======== Data listing ========
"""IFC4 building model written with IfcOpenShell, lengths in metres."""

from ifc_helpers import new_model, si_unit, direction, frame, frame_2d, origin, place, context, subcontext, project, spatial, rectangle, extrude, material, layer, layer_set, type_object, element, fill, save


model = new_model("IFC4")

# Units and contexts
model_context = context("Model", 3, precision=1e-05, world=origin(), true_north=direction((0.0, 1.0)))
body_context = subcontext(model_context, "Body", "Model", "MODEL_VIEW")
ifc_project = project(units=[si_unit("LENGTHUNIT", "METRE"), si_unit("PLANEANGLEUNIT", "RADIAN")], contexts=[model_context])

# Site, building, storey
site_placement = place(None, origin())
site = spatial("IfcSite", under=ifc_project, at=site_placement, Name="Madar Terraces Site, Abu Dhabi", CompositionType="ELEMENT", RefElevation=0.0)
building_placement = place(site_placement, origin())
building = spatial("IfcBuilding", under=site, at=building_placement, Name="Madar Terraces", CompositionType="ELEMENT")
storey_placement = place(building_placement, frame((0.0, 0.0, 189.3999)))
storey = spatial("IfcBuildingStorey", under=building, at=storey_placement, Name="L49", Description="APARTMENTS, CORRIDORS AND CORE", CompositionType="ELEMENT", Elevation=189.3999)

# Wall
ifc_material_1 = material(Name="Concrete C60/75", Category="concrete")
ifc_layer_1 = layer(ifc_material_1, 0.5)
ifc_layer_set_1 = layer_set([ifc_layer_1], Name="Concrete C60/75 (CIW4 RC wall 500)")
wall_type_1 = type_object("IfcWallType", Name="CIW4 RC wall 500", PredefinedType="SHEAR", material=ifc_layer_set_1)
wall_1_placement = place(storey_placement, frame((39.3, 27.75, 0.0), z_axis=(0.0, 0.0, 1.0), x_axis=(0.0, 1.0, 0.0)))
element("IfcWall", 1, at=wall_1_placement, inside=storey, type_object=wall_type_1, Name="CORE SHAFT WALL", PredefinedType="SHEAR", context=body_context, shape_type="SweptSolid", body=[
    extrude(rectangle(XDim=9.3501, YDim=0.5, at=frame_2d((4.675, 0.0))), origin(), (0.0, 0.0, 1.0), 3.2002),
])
========
======== Data listing ========
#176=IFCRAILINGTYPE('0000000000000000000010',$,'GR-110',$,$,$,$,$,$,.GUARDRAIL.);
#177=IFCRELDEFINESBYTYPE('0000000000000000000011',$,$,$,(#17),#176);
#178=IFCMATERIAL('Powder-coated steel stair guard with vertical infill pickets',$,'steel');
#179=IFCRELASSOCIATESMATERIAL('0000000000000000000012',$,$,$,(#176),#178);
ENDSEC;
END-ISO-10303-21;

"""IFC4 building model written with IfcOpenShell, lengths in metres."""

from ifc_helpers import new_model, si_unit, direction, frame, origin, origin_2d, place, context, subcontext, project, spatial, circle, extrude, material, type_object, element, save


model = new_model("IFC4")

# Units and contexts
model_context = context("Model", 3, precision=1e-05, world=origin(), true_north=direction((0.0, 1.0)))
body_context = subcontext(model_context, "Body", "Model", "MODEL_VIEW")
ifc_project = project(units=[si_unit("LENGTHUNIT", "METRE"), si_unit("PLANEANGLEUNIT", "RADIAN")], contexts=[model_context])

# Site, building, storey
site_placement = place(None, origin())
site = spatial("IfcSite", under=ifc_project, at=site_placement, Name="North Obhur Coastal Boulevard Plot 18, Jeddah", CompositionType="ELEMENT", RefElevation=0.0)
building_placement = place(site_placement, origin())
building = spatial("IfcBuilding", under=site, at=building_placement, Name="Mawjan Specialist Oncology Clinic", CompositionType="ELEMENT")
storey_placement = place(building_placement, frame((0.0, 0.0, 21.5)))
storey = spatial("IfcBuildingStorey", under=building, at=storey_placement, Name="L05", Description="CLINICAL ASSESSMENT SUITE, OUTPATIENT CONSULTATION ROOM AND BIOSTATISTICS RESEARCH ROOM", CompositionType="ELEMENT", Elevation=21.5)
========
======== Data listing ========
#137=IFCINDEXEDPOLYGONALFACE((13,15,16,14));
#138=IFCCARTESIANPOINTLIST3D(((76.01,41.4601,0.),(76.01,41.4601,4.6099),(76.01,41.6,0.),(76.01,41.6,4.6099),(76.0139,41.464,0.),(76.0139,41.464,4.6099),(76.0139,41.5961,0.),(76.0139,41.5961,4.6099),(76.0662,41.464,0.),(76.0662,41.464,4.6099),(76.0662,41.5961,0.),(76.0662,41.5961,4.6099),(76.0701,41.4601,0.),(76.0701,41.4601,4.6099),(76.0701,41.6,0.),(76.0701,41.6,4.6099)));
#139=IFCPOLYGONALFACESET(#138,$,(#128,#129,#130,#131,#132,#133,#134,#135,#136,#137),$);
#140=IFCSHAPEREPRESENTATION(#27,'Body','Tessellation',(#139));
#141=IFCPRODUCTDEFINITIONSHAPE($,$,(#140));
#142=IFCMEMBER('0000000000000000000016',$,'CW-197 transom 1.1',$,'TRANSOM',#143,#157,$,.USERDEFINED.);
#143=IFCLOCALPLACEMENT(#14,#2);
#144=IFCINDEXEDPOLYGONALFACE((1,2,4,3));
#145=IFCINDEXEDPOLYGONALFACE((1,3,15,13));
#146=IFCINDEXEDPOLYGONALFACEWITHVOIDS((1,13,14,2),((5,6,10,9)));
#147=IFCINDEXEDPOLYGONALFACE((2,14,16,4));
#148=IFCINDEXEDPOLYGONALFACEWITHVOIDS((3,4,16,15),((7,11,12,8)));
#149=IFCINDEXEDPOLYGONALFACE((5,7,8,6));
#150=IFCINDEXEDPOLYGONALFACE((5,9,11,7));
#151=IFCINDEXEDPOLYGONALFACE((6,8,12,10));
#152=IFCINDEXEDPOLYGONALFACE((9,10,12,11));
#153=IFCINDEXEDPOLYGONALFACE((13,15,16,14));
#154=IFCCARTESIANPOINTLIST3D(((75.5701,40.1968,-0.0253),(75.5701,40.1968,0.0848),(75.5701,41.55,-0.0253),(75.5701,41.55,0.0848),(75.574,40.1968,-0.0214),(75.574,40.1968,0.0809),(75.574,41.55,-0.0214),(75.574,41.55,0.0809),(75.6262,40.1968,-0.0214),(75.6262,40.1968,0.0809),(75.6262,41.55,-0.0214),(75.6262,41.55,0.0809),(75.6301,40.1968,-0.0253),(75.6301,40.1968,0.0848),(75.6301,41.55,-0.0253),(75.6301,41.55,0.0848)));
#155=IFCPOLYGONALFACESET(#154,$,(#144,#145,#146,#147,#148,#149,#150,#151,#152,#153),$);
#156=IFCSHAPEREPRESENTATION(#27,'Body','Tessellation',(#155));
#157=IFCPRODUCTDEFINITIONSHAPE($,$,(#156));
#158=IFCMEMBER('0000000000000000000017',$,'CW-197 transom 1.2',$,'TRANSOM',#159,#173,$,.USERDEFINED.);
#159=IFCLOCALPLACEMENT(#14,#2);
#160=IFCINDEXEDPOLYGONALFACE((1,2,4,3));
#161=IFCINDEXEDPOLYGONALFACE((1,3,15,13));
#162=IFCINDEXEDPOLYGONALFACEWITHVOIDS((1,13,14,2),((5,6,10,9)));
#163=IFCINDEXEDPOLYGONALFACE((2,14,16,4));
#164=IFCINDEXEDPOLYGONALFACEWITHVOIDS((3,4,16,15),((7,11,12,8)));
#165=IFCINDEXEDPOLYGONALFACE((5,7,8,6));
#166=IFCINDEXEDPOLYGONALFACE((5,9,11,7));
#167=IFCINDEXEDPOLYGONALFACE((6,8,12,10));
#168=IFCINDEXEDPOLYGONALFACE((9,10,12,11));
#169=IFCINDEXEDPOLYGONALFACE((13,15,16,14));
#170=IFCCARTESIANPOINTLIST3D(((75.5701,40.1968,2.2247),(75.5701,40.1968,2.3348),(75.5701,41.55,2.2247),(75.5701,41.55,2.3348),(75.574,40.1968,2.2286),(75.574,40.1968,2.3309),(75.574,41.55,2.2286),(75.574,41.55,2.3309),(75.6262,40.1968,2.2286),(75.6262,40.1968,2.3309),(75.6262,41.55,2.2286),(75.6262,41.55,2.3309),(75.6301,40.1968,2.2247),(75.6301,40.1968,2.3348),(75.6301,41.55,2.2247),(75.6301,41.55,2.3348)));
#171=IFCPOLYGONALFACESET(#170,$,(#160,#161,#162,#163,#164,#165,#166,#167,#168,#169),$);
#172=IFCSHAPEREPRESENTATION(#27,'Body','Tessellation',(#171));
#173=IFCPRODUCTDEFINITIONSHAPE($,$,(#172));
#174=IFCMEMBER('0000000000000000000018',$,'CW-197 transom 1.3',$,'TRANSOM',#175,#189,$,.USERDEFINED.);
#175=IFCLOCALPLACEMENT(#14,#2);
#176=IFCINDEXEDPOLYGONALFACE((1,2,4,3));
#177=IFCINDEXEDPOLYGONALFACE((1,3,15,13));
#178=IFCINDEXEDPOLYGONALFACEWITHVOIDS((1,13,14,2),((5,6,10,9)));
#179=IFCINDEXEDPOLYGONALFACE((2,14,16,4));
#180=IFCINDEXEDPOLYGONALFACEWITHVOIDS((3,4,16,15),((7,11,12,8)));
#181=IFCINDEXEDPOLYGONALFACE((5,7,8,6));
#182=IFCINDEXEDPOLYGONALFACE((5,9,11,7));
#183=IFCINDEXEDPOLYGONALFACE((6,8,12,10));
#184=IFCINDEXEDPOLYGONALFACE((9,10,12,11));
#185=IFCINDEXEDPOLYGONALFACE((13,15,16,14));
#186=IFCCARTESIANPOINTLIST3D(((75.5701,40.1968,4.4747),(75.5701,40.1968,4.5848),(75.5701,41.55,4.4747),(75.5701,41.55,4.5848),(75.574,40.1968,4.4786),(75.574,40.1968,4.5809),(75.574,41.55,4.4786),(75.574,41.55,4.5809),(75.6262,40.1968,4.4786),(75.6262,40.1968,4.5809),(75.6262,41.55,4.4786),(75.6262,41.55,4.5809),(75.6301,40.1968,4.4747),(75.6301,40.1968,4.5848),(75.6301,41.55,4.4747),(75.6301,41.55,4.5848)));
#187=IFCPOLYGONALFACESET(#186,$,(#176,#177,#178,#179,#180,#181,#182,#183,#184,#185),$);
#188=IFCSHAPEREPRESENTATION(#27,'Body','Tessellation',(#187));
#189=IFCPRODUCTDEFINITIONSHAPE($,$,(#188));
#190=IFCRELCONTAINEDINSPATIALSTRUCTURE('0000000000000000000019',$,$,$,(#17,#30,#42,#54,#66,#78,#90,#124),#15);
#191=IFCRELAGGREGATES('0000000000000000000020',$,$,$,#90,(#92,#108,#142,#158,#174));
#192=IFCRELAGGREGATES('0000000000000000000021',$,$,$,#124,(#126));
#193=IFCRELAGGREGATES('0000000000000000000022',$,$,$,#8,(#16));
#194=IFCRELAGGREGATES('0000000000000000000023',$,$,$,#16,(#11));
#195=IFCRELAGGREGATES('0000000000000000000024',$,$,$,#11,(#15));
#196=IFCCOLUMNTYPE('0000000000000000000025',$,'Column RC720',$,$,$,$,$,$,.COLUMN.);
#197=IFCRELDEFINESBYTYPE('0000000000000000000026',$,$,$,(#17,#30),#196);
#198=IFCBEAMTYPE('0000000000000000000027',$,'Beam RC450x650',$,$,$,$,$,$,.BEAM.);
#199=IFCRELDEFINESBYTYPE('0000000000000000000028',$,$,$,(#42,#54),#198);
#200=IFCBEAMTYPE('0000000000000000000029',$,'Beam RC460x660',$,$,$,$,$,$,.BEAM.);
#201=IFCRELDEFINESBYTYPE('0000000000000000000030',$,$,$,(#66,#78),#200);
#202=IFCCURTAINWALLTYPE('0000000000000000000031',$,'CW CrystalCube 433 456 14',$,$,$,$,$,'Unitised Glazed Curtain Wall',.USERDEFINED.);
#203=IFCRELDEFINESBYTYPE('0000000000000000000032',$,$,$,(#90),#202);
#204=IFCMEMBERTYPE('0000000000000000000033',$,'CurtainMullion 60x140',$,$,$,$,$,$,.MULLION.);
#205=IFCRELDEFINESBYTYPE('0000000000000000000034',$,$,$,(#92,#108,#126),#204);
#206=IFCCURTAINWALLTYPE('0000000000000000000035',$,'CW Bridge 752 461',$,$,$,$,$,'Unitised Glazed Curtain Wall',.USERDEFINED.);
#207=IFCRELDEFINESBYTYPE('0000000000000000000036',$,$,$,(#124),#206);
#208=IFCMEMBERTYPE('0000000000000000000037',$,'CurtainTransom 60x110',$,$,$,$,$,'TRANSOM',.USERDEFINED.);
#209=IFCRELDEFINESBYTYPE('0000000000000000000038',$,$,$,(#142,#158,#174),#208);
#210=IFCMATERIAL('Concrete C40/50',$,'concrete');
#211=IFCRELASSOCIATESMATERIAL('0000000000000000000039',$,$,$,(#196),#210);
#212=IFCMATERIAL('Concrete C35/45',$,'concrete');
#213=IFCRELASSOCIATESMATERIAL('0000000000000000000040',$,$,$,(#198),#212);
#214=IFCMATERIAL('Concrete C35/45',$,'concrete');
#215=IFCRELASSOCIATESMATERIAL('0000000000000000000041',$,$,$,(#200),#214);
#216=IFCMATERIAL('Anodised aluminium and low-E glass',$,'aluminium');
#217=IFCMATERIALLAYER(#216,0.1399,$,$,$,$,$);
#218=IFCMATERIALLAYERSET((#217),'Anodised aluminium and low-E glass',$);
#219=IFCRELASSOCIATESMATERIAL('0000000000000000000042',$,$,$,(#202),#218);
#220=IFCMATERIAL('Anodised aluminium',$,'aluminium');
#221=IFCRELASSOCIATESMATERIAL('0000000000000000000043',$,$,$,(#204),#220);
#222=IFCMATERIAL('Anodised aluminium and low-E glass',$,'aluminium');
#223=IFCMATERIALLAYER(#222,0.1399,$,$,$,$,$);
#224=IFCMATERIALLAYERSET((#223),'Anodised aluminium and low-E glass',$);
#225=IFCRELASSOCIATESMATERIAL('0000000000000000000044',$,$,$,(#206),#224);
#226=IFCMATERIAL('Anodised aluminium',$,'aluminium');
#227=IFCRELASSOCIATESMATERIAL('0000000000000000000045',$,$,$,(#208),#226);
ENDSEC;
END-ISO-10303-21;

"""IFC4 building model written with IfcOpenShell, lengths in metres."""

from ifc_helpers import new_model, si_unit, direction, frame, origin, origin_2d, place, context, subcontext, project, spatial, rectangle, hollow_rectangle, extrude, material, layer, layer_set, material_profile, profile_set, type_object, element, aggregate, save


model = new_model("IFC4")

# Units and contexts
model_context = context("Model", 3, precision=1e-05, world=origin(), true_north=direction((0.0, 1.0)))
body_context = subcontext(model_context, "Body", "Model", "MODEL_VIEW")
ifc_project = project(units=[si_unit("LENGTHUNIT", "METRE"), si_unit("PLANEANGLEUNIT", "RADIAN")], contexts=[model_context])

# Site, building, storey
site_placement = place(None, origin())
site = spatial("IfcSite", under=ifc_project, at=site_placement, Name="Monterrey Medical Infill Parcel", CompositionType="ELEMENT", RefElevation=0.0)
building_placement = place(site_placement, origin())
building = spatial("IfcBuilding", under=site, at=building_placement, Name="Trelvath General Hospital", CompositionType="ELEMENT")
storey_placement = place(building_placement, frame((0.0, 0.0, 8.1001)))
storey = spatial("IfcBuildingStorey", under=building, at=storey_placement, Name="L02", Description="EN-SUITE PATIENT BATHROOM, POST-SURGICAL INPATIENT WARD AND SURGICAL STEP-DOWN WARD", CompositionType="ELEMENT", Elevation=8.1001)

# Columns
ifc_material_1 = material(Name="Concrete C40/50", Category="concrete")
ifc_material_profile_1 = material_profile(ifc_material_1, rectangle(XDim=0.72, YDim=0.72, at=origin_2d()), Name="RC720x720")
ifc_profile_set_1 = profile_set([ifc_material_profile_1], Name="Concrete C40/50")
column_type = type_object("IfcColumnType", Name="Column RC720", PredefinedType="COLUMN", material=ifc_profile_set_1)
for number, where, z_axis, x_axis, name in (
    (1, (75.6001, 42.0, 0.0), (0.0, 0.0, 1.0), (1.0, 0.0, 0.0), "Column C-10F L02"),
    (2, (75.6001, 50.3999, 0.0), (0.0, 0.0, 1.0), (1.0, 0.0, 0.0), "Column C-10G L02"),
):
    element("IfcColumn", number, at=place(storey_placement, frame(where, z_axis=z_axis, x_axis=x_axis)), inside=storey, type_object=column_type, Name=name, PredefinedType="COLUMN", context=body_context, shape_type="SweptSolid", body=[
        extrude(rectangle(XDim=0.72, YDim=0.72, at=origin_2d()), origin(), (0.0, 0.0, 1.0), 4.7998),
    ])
========
The string "number" shows up in some lines of the listing. Copy each such line.

for number, where, z_axis, x_axis, name in (
    element("IfcColumn", number, at=place(storey_placement, frame(where, z_axis=z_axis, x_axis=x_axis)), inside=storey, type_object=column_type, Name=name, PredefinedType="COLUMN", context=body_context, shape_type="SweptSolid", body=[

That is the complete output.